> Input data:
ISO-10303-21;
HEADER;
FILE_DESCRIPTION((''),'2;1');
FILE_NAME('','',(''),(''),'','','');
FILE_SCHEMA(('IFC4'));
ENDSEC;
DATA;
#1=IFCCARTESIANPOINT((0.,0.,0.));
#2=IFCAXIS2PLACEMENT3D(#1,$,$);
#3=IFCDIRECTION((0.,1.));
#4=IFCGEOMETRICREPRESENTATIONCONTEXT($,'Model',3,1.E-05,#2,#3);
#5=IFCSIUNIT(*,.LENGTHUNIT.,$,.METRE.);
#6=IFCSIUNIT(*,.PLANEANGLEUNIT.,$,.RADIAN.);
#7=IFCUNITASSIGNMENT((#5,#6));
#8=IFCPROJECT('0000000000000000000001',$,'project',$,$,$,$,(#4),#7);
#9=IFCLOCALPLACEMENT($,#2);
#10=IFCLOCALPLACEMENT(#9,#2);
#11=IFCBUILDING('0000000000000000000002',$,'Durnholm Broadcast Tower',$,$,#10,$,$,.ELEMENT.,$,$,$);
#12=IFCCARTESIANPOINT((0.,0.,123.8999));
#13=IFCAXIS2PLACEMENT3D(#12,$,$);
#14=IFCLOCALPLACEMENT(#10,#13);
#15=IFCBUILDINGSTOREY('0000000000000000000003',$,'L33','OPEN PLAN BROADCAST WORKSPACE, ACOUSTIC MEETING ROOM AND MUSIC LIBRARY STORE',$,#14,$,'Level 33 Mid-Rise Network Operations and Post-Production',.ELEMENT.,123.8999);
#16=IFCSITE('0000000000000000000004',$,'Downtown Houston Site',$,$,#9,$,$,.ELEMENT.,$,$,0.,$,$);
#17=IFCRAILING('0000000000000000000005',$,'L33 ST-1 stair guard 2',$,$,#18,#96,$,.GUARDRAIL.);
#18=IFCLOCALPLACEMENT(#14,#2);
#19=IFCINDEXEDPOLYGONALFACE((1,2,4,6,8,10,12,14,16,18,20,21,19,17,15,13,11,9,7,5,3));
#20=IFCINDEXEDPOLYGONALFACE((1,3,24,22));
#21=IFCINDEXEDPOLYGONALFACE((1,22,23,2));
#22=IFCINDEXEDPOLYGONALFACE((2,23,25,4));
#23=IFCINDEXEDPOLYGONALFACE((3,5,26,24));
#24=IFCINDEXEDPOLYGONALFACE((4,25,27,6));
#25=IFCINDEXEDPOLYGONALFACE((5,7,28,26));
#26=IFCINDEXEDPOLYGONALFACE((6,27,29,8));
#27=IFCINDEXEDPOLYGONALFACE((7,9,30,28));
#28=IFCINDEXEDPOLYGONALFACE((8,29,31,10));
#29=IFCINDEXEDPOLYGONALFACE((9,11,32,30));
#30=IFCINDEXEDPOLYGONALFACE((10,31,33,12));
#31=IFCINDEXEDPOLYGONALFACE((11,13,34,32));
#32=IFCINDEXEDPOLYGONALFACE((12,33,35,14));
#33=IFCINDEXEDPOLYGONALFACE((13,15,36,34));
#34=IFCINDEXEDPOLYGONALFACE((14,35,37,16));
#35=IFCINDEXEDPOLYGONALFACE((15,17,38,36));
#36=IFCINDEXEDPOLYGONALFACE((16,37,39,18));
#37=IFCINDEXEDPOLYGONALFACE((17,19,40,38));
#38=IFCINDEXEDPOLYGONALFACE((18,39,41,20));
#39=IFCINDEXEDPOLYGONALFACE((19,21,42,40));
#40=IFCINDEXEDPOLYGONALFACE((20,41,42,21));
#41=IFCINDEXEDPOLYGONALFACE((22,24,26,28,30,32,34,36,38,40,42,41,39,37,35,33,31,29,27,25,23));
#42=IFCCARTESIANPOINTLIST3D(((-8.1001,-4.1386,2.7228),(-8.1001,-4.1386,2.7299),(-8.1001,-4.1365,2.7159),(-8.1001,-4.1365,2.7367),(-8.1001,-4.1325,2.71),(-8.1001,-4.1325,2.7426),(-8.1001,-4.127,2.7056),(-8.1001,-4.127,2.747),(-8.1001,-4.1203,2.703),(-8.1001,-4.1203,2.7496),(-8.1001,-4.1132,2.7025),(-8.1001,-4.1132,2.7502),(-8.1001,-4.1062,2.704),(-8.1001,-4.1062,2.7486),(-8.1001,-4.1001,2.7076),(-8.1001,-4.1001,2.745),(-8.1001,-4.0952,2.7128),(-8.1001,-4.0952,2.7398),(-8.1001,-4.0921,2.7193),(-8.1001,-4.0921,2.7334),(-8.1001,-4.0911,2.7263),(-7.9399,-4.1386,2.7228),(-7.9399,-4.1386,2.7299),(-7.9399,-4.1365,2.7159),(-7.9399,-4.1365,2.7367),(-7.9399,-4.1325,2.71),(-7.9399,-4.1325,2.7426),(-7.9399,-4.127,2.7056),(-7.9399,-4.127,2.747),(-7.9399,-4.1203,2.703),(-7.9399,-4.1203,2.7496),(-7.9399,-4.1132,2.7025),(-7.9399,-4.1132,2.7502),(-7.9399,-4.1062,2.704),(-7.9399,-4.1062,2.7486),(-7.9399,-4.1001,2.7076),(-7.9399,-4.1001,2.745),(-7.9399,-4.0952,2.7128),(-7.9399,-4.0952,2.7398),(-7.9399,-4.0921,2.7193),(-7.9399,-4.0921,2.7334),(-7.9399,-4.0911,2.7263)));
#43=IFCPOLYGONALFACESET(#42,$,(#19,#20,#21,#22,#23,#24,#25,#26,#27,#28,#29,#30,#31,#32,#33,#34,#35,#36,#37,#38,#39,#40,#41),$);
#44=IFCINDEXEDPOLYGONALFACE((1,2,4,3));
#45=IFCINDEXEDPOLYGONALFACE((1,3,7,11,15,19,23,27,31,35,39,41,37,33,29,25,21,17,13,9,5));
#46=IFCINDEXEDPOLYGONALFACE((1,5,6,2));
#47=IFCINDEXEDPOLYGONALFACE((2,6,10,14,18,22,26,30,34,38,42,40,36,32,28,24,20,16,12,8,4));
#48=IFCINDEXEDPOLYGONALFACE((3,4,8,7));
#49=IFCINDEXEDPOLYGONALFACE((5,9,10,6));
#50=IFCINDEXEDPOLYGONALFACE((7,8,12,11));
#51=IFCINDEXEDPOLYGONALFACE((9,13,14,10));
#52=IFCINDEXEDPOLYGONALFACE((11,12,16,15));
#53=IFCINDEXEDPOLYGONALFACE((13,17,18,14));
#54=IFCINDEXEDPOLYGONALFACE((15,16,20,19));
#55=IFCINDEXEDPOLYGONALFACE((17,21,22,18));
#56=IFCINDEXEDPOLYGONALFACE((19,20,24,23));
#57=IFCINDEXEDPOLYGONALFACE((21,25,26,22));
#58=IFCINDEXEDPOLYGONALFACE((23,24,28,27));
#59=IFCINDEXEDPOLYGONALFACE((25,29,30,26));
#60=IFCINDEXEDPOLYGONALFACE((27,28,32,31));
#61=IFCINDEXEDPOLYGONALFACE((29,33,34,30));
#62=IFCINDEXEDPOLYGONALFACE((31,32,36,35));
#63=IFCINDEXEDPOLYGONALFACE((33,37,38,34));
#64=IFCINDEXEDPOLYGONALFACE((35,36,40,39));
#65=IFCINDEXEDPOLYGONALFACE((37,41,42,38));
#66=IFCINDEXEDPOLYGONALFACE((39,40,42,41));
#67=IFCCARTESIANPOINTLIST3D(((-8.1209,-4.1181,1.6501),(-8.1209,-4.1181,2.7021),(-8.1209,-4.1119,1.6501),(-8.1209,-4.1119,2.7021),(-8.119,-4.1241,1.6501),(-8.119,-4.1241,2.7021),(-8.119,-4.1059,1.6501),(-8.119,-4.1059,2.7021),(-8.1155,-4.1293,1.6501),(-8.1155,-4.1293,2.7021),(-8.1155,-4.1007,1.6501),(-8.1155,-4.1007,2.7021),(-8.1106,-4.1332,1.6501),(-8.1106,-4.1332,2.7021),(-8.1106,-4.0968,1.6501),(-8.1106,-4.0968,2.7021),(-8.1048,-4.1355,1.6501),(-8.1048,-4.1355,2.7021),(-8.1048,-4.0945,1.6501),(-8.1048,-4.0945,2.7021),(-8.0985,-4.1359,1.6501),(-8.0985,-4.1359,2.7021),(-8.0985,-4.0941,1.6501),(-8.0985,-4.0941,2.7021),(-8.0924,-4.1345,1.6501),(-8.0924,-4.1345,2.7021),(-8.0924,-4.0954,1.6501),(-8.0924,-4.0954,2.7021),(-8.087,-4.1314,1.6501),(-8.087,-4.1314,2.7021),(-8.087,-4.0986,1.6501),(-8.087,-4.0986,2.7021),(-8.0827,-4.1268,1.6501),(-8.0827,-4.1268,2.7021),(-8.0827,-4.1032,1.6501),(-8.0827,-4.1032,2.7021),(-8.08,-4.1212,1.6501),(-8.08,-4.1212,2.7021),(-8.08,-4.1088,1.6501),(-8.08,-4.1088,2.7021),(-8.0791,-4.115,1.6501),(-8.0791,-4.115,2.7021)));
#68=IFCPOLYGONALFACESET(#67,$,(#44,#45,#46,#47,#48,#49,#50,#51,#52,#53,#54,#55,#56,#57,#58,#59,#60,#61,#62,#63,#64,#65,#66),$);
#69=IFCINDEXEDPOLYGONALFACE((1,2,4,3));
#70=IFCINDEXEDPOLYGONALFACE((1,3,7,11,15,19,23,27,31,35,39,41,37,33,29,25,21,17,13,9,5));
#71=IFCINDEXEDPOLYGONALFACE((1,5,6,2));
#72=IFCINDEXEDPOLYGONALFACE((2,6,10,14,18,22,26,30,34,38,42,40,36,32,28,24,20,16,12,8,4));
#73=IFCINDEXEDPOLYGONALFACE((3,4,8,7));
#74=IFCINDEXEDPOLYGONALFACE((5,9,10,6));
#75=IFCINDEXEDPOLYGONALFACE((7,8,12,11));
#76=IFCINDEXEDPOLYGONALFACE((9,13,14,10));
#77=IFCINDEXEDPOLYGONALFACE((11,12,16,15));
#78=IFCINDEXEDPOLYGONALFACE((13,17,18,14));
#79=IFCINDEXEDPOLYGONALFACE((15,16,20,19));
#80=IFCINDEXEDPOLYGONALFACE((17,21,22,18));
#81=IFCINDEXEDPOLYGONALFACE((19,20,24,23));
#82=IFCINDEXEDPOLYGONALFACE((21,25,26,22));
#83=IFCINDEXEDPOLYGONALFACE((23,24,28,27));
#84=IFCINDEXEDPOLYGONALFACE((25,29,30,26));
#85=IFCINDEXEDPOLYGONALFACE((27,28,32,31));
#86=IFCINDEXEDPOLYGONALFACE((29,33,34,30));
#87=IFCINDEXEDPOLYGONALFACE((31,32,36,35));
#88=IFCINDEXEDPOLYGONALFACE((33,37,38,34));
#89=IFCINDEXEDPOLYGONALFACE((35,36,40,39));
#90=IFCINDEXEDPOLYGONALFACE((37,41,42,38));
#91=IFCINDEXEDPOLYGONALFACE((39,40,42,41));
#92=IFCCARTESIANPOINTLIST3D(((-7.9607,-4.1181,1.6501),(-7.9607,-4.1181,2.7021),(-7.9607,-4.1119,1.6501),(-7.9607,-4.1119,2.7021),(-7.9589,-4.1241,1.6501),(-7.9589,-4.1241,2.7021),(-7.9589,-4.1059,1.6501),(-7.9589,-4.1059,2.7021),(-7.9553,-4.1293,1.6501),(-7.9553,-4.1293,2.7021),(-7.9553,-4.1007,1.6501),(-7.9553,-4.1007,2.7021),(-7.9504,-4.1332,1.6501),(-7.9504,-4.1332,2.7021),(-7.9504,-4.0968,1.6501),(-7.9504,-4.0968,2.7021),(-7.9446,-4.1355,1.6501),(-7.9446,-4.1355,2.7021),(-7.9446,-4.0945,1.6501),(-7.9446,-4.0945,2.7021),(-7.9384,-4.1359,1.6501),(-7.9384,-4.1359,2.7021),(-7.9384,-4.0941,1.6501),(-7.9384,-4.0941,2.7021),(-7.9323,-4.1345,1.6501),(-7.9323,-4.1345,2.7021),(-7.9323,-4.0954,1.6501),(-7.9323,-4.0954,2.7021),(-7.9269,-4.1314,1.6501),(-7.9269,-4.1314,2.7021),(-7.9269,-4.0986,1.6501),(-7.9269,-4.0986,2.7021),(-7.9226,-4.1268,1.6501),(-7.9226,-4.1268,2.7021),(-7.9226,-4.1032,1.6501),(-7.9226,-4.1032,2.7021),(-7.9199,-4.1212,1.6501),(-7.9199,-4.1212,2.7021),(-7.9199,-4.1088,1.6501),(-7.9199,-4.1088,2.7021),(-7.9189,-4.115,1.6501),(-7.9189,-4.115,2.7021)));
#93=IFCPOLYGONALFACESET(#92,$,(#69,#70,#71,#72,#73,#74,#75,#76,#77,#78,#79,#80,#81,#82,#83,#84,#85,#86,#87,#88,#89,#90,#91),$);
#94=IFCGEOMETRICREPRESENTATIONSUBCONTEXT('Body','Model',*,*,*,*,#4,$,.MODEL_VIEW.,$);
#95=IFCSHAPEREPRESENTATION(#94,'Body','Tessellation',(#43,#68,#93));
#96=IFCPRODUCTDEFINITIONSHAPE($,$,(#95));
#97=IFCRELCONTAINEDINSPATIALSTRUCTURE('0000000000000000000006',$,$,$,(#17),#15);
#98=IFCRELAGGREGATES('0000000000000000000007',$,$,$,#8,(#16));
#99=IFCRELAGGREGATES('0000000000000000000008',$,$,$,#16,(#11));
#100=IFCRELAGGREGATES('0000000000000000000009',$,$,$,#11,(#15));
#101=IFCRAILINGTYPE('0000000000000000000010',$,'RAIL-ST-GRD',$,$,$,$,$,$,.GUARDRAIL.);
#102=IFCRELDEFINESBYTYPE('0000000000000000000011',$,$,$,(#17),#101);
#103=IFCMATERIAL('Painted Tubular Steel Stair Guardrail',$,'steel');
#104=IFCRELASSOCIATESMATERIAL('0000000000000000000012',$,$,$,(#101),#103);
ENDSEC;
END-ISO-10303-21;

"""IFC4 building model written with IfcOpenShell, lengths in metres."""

from ifc_helpers import new_model, si_unit, direction, frame, origin, origin_2d, place, context, subcontext, project, spatial, circle, extrude, material, type_object, element, save


model = new_model("IFC4")

# Units and contexts
model_context = context("Model", 3, precision=1e-05, world=origin(), true_north=direction((0.0, 1.0)))
body_context = subcontext(model_context, "Body", "Model", "MODEL_VIEW")
ifc_project = project(units=[si_unit("LENGTHUNIT", "METRE"), si_unit("PLANEANGLEUNIT", "RADIAN")], contexts=[model_context])

# Site, building, storey
site_placement = place(None, origin())
site = spatial("IfcSite", under=ifc_project, at=site_placement, Name="Downtown Houston Site", CompositionType="ELEMENT", RefElevation=0.0)
building_placement = place(site_placement, origin())
building = spatial("IfcBuilding", under=site, at=building_placement, Name="Durnholm Broadcast Tower", CompositionType="ELEMENT")
storey_placement = place(building_placement, frame((0.0, 0.0, 123.8999)))
storey = spatial("IfcBuildingStorey", under=building, at=storey_placement, Name="L33", Description="OPEN PLAN BROADCAST WORKSPACE, ACOUSTIC MEETING ROOM AND MUSIC LIBRARY STORE", LongName="Level 33 Mid-Rise Network Operations and Post-Production", CompositionType="ELEMENT", Elevation=123.8999)

# Railing
ifc_material_1 = material(Name="Painted Tubular Steel Stair Guardrail", Category="steel")
railing_type_1 = type_object("IfcRailingType", Name="RAIL-ST-GRD", PredefinedType="GUARDRAIL", material=ifc_material_1)
railing_1_placement = place(storey_placement, frame((-8.1001, -4.115, 1.6501)))
element("IfcRailing", 1, at=railing_1_placement, inside=storey, type_object=railing_type_1, Name="L33 ST-1 stair guard 2", PredefinedType="GUARDRAIL", context=body_context, shape_type="SweptSolid", body=[
    extrude(circle(Radius=0.0239, at=origin_2d()), frame((0.0, 0.0, 1.0762), z_axis=(1.0, 0.0, 0.0), x_axis=(0.0, 1.0, 0.0)), (0.0, 0.0, 1.0), 0.1602),
    extrude(circle(Radius=0.021, at=origin_2d()), origin(), (0.0, 0.0, 1.0), 1.052),
    extrude(circle(Radius=0.021, at=origin_2d()), frame((0.1602, 0.0, 0.0)), (0.0, 0.0, 1.0), 1.052),
])

save(model, "model.ifc")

> About this exercise: Some lines in the data above hold the string "IFCLOCALPLACEMENT". Find and copy each of them.

> Exercise output:
#9=IFCLOCALPLACEMENT($,#2);
#10=IFCLOCALPLACEMENT(#9,#2);
#14=IFCLOCALPLACEMENT(#10,#13);
#18=IFCLOCALPLACEMENT(#14,#2);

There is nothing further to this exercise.